TASK BRIEF: Filter the entries below, keeping every line that has the word "Grand".
(GIVEN RECORDS)
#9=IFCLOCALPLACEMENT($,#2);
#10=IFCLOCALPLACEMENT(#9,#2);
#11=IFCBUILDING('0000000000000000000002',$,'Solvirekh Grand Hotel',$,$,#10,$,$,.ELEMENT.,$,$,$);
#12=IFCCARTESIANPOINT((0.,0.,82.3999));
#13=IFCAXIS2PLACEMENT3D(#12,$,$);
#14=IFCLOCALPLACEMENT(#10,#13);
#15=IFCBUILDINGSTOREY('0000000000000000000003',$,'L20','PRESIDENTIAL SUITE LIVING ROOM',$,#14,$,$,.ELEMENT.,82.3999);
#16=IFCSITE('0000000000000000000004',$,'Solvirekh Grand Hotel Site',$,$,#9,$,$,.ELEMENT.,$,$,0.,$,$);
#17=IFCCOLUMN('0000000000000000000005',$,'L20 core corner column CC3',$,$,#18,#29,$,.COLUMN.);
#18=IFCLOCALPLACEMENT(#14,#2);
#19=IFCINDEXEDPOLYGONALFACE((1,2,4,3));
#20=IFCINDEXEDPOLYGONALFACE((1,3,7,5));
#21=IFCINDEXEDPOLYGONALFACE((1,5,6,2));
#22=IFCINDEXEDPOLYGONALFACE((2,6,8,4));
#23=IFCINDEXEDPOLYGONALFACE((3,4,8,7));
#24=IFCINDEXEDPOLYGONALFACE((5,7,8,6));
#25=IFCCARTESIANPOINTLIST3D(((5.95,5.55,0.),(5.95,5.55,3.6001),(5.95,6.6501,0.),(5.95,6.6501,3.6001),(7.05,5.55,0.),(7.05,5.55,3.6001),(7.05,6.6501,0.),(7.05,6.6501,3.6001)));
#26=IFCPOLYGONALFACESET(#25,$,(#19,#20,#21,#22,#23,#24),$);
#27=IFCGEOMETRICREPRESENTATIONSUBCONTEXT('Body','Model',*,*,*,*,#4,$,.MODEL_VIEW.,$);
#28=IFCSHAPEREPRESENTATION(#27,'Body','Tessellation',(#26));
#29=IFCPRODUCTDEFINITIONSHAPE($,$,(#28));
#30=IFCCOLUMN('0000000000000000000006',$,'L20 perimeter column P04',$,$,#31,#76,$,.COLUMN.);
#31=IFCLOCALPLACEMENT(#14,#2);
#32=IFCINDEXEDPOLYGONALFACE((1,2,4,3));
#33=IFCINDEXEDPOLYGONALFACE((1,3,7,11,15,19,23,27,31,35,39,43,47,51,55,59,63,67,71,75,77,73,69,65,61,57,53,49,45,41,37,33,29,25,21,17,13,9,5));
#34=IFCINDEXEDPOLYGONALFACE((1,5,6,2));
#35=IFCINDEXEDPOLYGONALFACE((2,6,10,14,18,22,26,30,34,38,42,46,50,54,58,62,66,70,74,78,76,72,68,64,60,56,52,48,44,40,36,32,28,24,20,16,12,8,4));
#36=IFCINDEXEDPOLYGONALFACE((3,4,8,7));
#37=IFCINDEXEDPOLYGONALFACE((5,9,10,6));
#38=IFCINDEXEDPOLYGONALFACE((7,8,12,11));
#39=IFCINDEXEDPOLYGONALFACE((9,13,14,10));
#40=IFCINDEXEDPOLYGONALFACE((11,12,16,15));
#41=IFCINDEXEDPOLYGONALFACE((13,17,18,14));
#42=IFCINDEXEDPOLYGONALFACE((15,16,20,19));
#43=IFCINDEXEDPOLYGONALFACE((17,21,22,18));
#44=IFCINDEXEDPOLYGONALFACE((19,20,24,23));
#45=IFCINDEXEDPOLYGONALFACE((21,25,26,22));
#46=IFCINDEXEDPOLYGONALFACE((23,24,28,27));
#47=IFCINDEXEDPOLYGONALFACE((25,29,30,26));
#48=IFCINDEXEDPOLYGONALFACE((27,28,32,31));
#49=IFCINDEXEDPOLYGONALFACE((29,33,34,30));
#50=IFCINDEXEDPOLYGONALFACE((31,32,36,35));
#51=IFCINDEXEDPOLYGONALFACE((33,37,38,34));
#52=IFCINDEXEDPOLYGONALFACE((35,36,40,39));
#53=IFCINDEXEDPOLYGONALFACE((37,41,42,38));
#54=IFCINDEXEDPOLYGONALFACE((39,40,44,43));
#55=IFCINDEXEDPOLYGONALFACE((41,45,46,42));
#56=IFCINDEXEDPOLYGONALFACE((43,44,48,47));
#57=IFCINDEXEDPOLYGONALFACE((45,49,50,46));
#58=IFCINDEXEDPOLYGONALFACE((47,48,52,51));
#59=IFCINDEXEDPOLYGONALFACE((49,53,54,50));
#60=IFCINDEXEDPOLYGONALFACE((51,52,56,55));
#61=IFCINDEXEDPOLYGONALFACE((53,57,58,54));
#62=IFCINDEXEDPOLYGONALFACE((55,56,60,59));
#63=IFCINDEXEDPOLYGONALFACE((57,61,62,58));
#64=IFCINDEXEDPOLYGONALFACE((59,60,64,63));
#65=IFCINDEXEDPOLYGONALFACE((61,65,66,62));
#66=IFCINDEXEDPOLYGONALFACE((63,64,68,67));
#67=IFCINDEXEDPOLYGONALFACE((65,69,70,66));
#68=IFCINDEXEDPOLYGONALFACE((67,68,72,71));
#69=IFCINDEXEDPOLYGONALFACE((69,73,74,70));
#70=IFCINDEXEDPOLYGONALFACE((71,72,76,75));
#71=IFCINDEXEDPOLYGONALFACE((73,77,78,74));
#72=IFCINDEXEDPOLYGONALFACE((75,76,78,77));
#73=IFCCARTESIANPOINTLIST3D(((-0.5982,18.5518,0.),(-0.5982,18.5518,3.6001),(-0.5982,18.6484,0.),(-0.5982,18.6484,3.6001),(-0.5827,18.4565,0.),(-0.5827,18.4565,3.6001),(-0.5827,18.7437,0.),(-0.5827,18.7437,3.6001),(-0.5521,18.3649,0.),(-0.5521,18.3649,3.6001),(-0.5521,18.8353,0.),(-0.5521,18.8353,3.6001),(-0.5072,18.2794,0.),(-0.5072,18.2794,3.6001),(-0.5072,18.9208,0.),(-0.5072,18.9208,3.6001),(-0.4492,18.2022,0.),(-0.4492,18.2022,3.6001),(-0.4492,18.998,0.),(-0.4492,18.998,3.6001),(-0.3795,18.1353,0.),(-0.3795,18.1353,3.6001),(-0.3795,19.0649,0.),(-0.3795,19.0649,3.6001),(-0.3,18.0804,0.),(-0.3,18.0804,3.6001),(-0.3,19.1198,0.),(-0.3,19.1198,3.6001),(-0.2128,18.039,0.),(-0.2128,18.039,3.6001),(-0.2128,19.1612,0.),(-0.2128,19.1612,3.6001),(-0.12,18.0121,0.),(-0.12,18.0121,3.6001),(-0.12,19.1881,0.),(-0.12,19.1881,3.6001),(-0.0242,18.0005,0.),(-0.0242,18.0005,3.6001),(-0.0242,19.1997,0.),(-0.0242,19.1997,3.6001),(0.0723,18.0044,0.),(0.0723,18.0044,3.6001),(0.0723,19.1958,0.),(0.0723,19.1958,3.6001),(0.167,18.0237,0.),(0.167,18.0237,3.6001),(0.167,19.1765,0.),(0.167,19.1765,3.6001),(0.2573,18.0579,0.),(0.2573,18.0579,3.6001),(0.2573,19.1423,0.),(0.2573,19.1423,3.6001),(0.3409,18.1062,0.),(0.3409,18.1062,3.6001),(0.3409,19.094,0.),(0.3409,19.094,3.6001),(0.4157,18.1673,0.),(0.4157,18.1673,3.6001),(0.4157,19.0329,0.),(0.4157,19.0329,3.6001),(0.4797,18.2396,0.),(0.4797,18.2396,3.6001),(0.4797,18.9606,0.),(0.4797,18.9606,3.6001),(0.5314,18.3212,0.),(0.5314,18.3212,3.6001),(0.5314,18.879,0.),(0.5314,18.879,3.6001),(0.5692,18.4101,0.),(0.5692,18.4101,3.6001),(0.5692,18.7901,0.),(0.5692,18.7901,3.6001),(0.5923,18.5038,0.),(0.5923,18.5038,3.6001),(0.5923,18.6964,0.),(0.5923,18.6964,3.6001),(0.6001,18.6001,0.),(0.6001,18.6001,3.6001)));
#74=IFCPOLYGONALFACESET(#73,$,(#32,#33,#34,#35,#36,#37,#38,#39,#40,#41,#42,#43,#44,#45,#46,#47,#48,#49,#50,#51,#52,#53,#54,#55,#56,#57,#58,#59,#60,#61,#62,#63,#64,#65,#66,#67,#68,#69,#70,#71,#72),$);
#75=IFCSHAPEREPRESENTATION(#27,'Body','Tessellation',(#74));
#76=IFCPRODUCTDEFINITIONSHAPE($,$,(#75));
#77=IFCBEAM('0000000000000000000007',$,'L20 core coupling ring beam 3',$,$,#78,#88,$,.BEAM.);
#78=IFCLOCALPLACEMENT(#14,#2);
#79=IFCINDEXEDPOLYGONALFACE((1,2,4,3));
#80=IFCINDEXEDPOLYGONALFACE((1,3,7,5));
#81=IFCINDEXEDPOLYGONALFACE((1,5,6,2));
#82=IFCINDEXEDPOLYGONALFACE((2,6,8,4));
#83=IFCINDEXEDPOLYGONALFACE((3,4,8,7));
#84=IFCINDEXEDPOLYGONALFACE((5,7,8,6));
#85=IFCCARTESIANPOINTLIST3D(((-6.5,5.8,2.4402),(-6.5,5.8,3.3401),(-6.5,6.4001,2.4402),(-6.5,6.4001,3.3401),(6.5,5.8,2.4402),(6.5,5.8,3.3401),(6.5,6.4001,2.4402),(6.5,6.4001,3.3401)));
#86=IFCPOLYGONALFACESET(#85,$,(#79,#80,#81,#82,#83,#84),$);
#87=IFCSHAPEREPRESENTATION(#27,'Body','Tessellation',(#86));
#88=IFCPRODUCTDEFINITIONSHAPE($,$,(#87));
(End GIVEN RECORDS)
RESULT BELOW:
#11=IFCBUILDING('0000000000000000000002',$,'Solvirekh Grand Hotel',$,$,#10,$,$,.ELEMENT.,$,$,$);
#16=IFCSITE('0000000000000000000004',$,'Solvirekh Grand Hotel Site',$,$,#9,$,$,.ELEMENT.,$,$,0.,$,$);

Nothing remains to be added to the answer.